- Opening Delimiter -

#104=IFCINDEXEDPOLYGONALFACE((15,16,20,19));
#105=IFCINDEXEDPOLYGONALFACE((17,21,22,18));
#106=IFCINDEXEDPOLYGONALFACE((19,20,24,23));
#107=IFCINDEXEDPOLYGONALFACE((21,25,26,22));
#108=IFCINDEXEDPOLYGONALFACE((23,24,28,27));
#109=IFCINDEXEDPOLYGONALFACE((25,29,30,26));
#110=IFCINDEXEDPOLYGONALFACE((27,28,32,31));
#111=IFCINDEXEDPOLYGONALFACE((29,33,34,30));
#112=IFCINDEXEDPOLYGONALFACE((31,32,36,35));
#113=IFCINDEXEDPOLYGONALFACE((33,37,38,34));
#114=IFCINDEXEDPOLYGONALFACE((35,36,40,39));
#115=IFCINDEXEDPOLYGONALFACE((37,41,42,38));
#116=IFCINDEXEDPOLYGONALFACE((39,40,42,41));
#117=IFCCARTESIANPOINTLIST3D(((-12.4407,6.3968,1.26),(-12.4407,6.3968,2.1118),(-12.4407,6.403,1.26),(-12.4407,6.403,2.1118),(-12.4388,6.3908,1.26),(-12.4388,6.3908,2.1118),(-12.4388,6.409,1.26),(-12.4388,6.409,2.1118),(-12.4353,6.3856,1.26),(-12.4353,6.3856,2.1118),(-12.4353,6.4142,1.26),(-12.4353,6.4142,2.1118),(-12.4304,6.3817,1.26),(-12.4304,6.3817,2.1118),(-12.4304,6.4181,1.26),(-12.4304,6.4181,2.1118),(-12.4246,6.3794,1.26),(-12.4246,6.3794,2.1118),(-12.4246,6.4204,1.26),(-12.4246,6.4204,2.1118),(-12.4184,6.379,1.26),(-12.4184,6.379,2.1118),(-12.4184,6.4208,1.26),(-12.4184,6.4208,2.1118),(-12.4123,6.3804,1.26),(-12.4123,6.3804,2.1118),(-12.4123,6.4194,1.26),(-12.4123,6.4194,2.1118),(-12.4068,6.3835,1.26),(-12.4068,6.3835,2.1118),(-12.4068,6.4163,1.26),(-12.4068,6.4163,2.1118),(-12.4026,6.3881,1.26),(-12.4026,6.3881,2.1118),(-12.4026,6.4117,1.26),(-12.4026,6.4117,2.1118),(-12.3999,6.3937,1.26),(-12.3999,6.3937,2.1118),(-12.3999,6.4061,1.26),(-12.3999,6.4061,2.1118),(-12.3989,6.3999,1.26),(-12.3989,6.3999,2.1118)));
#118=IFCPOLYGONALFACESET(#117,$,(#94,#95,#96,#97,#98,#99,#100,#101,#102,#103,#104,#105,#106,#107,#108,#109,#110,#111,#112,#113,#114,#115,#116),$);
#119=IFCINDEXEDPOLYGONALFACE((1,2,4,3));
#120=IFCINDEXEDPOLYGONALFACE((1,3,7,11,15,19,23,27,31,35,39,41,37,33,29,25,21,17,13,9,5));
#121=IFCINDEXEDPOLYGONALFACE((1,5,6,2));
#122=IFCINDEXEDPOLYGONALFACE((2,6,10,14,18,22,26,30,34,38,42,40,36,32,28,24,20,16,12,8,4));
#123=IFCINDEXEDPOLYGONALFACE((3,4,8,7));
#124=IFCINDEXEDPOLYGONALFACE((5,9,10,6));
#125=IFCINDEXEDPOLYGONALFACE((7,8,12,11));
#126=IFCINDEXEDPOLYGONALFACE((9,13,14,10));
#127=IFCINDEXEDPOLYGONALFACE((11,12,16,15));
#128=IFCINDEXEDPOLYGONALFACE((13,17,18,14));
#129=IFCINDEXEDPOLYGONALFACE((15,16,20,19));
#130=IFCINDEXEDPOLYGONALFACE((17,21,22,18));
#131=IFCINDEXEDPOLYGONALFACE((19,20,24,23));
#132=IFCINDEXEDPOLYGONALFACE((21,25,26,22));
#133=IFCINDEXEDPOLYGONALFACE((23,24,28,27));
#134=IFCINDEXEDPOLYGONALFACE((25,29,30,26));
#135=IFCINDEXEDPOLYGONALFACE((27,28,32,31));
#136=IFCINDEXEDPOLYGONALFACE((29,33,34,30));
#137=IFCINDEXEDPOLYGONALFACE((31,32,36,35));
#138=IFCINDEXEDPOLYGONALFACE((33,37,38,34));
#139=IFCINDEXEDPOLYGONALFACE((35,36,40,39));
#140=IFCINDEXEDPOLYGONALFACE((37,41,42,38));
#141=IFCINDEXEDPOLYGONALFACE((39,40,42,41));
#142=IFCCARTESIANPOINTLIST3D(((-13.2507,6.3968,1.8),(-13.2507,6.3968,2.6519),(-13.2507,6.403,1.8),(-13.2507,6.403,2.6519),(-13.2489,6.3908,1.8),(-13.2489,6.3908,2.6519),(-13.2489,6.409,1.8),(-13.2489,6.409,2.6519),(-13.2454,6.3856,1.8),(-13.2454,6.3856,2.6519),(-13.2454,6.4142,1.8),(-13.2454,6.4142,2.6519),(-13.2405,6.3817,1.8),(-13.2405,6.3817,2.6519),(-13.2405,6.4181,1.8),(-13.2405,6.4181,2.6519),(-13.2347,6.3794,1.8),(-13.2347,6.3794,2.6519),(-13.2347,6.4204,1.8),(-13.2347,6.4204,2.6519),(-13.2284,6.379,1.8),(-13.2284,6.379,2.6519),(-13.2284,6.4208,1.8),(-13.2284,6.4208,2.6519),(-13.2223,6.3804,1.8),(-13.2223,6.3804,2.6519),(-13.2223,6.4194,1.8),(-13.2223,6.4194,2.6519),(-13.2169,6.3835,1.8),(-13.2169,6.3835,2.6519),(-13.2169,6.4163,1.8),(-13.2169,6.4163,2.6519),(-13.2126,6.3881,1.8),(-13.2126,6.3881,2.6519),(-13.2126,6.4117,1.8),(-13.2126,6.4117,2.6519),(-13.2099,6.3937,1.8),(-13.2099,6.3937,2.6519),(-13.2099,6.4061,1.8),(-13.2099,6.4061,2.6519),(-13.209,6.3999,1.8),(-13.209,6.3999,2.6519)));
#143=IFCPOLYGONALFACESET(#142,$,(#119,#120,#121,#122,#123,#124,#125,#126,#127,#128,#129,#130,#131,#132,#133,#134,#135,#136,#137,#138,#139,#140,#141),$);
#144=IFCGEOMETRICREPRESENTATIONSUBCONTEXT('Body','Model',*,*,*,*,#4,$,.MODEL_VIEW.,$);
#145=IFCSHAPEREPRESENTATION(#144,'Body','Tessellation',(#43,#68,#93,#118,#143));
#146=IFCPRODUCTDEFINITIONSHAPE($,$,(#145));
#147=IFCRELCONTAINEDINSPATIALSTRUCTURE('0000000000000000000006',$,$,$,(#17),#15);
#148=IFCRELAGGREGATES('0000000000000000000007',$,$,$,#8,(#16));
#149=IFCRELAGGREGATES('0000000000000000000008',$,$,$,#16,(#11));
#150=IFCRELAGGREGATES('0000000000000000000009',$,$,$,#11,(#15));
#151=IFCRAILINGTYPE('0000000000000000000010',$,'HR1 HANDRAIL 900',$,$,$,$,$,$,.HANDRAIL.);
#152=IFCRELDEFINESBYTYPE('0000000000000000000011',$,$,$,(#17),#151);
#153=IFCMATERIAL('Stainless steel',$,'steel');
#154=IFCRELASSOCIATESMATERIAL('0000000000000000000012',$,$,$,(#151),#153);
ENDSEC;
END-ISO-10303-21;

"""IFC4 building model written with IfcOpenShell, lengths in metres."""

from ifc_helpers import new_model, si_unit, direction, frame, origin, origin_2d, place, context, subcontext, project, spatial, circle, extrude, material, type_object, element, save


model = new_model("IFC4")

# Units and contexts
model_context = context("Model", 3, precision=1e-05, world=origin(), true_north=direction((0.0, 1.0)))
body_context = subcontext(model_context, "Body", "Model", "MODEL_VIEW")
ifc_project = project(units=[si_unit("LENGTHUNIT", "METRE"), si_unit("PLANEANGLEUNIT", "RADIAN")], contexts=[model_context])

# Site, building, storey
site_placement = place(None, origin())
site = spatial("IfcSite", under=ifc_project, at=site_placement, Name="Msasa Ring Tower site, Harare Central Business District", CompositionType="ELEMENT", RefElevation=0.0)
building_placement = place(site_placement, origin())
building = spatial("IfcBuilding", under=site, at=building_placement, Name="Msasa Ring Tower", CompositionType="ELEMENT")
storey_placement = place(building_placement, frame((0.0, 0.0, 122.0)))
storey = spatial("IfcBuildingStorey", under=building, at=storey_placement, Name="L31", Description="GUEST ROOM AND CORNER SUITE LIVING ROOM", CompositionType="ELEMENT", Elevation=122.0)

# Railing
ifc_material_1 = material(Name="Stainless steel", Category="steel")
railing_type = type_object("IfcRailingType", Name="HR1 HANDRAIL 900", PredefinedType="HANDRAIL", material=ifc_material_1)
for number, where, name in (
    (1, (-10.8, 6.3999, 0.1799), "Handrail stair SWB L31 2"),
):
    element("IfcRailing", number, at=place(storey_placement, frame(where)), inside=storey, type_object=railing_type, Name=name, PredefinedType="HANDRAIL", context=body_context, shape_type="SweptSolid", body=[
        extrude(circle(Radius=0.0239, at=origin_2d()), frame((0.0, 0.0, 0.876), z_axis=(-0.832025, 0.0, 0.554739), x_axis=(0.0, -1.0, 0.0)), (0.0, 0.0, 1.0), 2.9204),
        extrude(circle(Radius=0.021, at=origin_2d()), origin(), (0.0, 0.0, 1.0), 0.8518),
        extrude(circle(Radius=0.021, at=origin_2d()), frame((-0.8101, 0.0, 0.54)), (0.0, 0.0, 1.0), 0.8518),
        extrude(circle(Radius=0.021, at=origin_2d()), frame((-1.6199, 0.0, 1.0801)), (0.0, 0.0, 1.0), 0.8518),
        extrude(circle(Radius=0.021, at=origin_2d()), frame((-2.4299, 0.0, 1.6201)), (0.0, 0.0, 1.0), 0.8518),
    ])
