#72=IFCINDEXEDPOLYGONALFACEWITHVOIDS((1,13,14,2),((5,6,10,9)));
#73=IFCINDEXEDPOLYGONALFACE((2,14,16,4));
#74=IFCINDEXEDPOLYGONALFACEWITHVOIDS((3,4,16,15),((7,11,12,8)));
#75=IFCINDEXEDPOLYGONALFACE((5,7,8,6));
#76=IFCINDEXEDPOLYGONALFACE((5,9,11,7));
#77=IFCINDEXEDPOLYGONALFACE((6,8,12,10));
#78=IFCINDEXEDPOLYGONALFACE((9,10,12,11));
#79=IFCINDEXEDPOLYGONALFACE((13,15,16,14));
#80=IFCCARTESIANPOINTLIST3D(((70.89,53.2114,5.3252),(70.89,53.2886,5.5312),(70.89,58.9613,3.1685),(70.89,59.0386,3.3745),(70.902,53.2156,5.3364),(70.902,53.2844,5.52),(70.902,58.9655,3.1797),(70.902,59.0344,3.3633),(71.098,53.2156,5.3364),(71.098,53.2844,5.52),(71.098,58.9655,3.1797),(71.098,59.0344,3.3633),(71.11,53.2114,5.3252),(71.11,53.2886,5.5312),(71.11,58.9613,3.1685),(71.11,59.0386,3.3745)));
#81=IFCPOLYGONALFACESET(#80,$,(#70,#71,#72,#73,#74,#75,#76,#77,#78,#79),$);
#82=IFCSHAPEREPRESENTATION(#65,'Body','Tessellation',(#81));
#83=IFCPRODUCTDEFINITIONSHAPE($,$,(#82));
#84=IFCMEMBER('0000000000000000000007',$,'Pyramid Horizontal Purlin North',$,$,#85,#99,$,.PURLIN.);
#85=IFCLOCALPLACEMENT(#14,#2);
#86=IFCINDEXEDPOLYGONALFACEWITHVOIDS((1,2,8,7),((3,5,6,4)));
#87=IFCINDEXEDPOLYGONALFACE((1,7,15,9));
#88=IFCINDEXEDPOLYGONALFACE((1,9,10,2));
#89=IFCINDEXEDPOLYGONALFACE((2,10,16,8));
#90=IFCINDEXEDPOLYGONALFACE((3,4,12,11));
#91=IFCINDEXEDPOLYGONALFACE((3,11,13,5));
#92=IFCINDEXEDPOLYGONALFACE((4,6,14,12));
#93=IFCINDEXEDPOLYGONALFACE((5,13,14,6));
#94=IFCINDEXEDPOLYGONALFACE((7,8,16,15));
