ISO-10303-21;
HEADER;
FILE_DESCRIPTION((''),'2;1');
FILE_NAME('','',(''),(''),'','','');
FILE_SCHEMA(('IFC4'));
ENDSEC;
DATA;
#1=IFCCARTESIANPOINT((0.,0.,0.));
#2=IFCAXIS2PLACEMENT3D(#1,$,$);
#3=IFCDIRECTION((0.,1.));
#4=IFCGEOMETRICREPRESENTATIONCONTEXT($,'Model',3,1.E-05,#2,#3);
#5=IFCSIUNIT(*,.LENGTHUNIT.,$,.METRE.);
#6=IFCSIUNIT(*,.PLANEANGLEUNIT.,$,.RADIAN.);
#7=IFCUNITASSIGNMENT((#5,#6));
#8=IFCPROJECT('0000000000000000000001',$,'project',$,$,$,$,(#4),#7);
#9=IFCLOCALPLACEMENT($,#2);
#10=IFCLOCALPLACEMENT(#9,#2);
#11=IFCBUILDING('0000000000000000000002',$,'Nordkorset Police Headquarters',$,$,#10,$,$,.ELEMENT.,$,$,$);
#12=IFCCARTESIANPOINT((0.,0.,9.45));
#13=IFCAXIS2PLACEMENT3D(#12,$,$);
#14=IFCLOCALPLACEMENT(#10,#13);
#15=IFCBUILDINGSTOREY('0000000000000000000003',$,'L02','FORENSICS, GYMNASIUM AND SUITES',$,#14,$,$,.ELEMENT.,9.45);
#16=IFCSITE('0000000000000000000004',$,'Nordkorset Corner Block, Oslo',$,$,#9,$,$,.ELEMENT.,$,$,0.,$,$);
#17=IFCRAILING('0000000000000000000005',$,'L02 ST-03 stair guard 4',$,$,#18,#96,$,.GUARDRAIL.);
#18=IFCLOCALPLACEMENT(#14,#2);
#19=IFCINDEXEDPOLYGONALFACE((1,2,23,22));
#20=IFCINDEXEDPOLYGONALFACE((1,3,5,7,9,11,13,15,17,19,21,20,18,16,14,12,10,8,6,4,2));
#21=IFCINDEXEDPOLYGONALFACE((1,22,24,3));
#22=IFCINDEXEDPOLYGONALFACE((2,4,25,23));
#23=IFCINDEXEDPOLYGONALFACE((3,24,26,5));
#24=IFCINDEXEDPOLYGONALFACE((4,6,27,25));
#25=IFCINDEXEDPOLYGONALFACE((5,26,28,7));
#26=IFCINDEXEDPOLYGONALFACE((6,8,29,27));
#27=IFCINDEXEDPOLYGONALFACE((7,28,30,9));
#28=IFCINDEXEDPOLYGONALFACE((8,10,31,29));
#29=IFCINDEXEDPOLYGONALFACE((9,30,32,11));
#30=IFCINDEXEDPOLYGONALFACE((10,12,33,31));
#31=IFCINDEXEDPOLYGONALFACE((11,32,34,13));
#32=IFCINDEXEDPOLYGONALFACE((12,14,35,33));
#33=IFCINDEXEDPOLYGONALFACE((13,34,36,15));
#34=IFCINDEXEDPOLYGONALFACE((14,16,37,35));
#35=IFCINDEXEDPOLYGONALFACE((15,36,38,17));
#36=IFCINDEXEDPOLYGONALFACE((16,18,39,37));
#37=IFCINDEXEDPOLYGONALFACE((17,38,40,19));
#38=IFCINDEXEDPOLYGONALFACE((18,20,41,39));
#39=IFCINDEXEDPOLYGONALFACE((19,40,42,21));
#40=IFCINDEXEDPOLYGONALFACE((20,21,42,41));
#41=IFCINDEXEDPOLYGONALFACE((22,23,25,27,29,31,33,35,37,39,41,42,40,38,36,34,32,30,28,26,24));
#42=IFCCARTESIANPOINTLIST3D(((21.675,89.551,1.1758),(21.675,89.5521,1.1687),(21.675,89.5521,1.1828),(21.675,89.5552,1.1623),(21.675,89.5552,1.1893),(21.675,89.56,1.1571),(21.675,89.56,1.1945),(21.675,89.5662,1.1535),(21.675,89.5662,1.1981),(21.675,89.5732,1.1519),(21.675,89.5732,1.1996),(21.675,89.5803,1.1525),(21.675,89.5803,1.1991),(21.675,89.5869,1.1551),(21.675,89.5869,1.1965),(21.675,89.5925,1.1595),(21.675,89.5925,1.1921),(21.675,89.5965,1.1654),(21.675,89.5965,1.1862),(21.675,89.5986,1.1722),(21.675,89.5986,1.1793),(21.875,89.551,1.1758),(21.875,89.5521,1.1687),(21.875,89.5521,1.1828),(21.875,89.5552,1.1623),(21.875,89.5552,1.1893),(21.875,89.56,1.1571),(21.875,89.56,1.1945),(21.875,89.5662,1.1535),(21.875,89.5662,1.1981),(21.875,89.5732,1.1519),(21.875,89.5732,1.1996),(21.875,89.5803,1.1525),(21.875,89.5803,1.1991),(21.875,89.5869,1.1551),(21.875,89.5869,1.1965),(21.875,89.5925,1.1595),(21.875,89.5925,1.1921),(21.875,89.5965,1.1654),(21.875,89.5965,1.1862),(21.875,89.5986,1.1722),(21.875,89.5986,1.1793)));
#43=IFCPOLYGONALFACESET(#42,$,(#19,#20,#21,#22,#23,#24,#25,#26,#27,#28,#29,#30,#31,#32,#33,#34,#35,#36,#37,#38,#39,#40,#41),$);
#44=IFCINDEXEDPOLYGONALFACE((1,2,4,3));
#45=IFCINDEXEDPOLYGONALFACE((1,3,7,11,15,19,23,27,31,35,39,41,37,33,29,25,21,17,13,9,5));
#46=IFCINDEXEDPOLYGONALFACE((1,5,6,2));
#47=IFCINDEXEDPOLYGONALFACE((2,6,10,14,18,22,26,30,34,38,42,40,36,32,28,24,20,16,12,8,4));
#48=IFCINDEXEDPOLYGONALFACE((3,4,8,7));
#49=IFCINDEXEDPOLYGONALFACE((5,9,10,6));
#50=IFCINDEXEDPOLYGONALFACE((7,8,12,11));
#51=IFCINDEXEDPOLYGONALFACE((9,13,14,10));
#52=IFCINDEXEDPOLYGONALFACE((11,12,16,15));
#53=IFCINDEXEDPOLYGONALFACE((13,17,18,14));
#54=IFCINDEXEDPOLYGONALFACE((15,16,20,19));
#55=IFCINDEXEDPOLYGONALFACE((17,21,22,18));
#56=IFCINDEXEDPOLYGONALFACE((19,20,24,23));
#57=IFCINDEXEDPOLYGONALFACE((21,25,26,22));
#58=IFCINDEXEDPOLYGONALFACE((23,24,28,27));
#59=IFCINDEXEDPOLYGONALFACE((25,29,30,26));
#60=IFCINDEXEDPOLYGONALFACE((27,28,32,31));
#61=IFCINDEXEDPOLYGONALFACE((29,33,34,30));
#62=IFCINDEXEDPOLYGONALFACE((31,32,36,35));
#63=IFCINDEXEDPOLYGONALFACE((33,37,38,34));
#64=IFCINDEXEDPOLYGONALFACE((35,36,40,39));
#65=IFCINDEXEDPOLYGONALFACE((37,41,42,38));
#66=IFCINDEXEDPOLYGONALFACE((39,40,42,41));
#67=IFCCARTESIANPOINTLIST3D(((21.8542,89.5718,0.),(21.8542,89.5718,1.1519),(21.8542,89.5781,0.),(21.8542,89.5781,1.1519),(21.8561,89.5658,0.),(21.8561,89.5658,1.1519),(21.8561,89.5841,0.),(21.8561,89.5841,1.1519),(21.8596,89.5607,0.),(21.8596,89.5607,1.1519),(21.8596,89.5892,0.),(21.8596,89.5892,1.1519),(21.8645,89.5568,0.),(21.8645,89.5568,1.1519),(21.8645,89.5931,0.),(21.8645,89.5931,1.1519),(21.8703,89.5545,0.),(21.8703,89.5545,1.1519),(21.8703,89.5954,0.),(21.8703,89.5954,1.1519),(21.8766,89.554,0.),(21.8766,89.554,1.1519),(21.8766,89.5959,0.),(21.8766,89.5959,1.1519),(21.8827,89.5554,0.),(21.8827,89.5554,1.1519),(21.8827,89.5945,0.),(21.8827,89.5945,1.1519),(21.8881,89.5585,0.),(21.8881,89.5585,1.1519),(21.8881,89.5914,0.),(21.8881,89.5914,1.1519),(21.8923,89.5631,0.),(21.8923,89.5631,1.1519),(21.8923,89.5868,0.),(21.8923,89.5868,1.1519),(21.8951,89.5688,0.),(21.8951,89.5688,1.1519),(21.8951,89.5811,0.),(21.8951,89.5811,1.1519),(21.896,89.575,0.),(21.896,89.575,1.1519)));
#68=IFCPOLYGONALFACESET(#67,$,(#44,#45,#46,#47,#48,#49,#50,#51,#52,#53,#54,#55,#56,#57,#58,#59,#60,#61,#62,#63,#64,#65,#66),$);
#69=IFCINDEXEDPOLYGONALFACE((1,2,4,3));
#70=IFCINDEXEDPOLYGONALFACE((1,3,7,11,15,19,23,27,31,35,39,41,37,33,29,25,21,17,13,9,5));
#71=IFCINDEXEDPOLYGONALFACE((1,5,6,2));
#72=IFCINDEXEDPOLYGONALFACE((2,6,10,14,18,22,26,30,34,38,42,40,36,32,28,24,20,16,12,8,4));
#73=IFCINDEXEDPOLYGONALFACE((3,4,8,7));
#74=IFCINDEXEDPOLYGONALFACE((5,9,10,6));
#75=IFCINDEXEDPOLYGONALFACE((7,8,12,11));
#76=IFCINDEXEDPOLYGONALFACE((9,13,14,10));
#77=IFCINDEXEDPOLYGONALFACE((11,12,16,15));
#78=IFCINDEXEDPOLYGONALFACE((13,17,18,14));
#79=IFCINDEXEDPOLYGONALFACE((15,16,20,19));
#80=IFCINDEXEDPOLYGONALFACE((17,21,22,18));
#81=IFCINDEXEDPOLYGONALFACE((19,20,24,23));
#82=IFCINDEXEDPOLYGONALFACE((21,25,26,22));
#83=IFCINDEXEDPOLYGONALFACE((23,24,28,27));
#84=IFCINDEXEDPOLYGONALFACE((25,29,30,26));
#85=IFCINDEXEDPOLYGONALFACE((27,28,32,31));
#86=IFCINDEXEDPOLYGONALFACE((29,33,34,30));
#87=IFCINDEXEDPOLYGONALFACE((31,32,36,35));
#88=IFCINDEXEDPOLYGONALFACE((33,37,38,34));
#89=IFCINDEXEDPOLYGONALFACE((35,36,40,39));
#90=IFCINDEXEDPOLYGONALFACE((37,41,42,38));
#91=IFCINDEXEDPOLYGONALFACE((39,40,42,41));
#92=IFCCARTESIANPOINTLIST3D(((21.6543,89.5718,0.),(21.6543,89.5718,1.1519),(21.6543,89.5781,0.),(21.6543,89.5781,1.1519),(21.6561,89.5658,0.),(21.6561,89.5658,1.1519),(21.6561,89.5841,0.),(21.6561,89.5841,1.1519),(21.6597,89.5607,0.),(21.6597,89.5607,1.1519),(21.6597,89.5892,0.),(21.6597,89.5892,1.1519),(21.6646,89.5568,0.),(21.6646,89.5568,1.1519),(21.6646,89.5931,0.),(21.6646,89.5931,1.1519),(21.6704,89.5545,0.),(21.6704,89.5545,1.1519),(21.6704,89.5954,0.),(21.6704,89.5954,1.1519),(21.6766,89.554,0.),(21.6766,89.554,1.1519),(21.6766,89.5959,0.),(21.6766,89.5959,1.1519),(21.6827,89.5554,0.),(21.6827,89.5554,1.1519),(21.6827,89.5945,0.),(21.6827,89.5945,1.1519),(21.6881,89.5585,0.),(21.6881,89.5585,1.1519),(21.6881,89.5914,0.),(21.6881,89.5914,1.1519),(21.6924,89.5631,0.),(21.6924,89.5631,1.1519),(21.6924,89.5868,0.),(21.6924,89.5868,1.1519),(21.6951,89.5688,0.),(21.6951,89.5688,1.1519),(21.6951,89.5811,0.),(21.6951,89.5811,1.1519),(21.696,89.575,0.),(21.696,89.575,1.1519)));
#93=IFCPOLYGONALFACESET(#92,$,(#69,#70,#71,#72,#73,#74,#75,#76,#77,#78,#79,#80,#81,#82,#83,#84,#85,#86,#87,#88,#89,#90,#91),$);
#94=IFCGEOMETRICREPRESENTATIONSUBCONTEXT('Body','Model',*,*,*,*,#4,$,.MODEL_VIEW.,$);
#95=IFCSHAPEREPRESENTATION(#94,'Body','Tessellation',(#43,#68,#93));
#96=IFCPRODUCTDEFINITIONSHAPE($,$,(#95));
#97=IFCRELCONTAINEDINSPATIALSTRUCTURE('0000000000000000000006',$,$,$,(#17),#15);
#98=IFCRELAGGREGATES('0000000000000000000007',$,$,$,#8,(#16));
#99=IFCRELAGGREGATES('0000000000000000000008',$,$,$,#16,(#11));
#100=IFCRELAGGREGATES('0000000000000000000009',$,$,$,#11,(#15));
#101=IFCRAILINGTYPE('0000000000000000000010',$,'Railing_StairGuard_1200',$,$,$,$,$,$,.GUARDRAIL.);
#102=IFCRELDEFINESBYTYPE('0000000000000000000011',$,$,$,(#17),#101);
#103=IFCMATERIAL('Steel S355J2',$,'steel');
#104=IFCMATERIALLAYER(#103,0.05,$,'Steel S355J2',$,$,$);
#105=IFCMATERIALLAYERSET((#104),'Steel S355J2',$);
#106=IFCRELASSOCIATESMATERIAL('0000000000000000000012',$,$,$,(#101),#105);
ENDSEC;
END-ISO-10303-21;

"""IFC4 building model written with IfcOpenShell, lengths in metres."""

from ifc_helpers import new_model, si_unit, direction, frame, origin, origin_2d, place, context, subcontext, project, spatial, circle, extrude, material, layer, layer_set, type_object, element, save


model = new_model("IFC4")

# Units and contexts
model_context = context("Model", 3, precision=1e-05, world=origin(), true_north=direction((0.0, 1.0)))
body_context = subcontext(model_context, "Body", "Model", "MODEL_VIEW")
ifc_project = project(units=[si_unit("LENGTHUNIT", "METRE"), si_unit("PLANEANGLEUNIT", "RADIAN")], contexts=[model_context])

# Site, building, storey
site_placement = place(None, origin())
site = spatial("IfcSite", under=ifc_project, at=site_placement, Name="Nordkorset Corner Block, Oslo", CompositionType="ELEMENT", RefElevation=0.0)
building_placement = place(site_placement, origin())
building = spatial("IfcBuilding", under=site, at=building_placement, Name="Nordkorset Police Headquarters", CompositionType="ELEMENT")
storey_placement = place(building_placement, frame((0.0, 0.0, 9.45)))
storey = spatial("IfcBuildingStorey", under=building, at=storey_placement, Name="L02", Description="FORENSICS, GYMNASIUM AND SUITES", CompositionType="ELEMENT", Elevation=9.45)

# Railing
ifc_material_1 = material(Name="Steel S355J2", Category="steel")
ifc_layer_1 = layer(ifc_material_1, 0.05, Name="Steel S355J2")
ifc_layer_set_1 = layer_set([ifc_layer_1], Name="Steel S355J2")
railing_type_1 = type_object("IfcRailingType", Name="Railing_StairGuard_1200", PredefinedType="GUARDRAIL", material=ifc_layer_set_1)
railing_1_placement = place(storey_placement, frame((21.875, 89.575, 0.0)))
element("IfcRailing", 1, at=railing_1_placement, inside=storey, type_object=railing_type_1, Name="L02 ST-03 stair guard 4", PredefinedType="GUARDRAIL", context=body_context, shape_type="SweptSolid", body=[
    extrude(circle(Radius=0.0239, at=origin_2d()), frame((0.0, 0.0, 1.1758), z_axis=(-1.0, 0.0, 0.0), x_axis=(0.0, -1.0, 0.0)), (0.0, 0.0, 1.0), 0.2),
    extrude(circle(Radius=0.021, at=origin_2d()), origin(), (0.0, 0.0, 1.0), 1.1519),
    extrude(circle(Radius=0.021, at=origin_2d()), frame((-0.2, 0.0, 0.0)), (0.0, 0.0, 1.0), 1.1519),
])

save(model, "model.ifc")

- Closing Delimiter -

> THE TASK: Out of the preceding entries, pull each line that contains the word "IFCLOCALPLACEMENT".

> YOUR RESPONSE:
#85=IFCLOCALPLACEMENT(#14,#2);
#9=IFCLOCALPLACEMENT($,#2);
#10=IFCLOCALPLACEMENT(#9,#2);
#14=IFCLOCALPLACEMENT(#10,#13);
#18=IFCLOCALPLACEMENT(#14,#2);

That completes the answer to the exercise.